WHAT TO PRODUCE: Every line of the entries below that includes "IFCCOLUMNTYPE" belongs in the answer, copied as written.

DATASET EXCERPTS:
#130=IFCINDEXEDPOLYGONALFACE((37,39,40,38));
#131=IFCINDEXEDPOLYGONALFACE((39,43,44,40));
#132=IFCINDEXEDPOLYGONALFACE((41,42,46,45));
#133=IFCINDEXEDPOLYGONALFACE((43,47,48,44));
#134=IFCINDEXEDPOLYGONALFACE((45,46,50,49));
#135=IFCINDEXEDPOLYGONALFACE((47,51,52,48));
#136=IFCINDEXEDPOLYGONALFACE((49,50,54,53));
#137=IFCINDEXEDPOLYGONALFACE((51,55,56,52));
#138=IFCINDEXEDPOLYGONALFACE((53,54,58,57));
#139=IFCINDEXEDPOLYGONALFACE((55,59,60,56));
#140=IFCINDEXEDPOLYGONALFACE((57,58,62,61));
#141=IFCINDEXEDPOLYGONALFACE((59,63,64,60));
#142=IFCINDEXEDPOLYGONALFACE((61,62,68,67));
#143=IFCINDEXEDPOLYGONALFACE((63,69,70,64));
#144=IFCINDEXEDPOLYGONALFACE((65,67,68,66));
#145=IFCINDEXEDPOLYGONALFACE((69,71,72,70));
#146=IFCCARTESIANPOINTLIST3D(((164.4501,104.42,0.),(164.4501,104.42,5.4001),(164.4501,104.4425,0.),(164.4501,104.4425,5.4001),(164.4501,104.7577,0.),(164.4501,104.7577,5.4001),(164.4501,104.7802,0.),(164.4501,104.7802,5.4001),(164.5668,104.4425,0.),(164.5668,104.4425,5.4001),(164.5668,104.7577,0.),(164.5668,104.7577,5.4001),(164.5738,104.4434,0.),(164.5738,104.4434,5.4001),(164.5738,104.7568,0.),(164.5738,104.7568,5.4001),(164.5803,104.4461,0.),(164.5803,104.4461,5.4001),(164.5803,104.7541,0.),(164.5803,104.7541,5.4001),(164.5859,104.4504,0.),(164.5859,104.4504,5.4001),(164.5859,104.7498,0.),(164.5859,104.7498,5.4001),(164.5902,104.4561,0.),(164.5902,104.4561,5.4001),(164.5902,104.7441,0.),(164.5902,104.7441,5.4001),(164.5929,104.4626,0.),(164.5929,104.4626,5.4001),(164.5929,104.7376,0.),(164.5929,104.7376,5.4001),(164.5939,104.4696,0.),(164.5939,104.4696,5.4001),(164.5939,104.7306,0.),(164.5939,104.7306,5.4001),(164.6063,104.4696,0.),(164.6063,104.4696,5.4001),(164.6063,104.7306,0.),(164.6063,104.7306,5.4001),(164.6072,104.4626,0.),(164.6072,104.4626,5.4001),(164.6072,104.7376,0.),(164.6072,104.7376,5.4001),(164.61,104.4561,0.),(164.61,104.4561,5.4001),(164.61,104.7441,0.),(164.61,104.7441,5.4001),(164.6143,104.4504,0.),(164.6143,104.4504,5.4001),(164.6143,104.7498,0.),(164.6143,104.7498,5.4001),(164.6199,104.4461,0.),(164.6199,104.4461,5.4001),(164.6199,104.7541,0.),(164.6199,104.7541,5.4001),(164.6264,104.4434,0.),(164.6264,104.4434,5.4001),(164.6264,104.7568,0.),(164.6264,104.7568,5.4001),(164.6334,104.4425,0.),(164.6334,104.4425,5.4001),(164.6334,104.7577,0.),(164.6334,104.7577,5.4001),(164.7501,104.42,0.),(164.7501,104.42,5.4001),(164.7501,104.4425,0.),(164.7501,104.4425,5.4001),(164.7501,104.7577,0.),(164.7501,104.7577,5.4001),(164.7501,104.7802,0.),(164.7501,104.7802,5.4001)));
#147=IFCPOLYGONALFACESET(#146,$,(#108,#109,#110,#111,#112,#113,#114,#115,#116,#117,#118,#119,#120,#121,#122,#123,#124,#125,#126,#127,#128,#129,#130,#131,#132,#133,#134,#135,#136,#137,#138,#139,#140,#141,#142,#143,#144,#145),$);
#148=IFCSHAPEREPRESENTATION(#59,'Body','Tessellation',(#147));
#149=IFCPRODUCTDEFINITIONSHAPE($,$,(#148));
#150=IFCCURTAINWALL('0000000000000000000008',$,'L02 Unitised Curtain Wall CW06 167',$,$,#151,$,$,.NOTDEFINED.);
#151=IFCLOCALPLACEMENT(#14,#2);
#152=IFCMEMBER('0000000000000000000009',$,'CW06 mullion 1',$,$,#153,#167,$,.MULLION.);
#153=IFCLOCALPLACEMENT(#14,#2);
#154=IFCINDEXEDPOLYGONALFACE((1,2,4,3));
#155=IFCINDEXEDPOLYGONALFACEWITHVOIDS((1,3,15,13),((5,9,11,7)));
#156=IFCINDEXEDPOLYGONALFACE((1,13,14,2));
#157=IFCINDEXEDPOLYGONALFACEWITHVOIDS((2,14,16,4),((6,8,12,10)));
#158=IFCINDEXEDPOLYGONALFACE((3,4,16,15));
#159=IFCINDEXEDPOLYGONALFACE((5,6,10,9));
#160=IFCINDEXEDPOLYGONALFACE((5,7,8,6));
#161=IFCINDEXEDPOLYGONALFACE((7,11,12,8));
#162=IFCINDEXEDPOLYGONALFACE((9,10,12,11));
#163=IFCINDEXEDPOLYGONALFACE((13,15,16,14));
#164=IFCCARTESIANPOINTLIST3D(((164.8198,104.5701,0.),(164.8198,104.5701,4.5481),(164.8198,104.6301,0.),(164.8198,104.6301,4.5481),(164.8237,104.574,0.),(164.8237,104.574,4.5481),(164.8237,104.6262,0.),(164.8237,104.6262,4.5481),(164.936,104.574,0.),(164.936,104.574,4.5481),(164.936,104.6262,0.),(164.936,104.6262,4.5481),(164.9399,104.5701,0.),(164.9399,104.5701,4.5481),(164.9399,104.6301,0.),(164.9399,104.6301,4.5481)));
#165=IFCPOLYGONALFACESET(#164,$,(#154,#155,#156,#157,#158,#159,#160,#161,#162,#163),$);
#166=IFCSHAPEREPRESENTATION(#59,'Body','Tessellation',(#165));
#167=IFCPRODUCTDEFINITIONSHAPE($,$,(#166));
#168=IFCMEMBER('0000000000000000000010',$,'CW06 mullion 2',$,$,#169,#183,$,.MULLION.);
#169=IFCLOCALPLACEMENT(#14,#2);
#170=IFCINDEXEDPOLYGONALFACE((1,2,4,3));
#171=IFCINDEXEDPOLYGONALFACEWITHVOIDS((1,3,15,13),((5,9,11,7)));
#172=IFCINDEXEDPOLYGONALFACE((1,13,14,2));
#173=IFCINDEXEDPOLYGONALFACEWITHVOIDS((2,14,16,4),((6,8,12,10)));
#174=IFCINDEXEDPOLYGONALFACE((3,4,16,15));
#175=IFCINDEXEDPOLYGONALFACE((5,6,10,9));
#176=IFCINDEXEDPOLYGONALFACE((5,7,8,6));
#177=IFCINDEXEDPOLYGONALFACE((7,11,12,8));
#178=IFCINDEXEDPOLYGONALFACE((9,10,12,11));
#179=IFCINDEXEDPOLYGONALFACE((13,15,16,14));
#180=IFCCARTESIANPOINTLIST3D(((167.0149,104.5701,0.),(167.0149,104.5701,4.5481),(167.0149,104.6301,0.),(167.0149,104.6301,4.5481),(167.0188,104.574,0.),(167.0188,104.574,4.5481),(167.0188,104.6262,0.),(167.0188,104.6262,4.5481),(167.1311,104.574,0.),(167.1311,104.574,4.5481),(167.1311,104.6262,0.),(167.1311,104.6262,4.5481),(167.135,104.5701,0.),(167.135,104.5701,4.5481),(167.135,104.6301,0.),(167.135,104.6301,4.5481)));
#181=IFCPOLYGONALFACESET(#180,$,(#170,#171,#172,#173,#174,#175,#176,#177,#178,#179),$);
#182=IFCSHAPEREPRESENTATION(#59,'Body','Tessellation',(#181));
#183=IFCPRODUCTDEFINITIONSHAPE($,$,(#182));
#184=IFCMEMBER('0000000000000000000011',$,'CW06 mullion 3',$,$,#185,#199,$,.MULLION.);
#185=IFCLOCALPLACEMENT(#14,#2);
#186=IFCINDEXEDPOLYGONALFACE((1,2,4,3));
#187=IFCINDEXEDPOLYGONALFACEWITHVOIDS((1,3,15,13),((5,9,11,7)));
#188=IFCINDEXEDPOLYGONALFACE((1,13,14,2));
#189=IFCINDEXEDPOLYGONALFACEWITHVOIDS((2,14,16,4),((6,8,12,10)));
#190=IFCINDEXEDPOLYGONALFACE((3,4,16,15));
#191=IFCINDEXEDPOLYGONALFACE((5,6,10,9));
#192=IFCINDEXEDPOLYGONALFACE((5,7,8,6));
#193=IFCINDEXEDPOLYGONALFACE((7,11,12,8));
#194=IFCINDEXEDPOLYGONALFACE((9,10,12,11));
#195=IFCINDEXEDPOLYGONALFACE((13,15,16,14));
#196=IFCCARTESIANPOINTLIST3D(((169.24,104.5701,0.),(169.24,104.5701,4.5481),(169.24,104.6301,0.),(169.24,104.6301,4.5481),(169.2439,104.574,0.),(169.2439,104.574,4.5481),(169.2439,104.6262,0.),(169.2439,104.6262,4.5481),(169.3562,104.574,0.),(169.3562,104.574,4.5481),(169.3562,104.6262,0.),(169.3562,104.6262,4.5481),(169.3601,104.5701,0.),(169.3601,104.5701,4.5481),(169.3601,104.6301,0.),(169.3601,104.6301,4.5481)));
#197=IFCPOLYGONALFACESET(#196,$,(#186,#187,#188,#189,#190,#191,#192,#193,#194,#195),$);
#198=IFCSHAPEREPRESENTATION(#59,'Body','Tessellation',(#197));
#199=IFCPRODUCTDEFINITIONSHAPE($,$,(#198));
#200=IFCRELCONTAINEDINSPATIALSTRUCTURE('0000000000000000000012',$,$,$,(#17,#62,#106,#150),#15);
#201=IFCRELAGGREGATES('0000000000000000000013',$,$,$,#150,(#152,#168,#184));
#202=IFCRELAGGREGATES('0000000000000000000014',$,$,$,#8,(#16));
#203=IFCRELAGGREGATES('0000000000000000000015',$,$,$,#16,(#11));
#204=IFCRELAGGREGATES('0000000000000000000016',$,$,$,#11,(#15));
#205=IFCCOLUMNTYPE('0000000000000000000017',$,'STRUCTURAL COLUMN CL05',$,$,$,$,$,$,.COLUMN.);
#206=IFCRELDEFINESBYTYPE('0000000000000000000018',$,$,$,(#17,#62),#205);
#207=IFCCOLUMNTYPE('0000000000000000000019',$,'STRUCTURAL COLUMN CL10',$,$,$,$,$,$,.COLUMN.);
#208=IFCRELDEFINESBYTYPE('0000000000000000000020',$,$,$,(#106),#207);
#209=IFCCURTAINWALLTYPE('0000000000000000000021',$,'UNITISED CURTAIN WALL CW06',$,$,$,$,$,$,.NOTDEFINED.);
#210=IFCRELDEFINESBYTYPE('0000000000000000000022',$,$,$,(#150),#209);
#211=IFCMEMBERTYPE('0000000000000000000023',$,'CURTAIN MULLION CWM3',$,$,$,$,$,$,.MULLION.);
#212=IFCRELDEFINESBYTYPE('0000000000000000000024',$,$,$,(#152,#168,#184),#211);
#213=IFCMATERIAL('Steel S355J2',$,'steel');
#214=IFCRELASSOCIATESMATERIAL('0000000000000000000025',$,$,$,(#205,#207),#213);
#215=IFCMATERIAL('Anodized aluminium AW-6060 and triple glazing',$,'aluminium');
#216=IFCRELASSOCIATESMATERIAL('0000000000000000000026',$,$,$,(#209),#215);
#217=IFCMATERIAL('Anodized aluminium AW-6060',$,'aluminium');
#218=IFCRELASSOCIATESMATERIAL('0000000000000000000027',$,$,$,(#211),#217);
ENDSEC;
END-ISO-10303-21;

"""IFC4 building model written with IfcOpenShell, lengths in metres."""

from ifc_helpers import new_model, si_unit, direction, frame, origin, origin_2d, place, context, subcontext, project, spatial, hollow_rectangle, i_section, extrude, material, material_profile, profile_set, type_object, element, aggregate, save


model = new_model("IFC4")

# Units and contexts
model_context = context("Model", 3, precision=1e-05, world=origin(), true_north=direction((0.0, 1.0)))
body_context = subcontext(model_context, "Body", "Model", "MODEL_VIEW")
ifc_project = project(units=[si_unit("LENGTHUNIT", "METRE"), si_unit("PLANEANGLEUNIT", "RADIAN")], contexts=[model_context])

TASK ANSWER:
#205=IFCCOLUMNTYPE('0000000000000000000017',$,'STRUCTURAL COLUMN CL05',$,$,$,$,$,$,.COLUMN.);
#207=IFCCOLUMNTYPE('0000000000000000000019',$,'STRUCTURAL COLUMN CL10',$,$,$,$,$,$,.COLUMN.);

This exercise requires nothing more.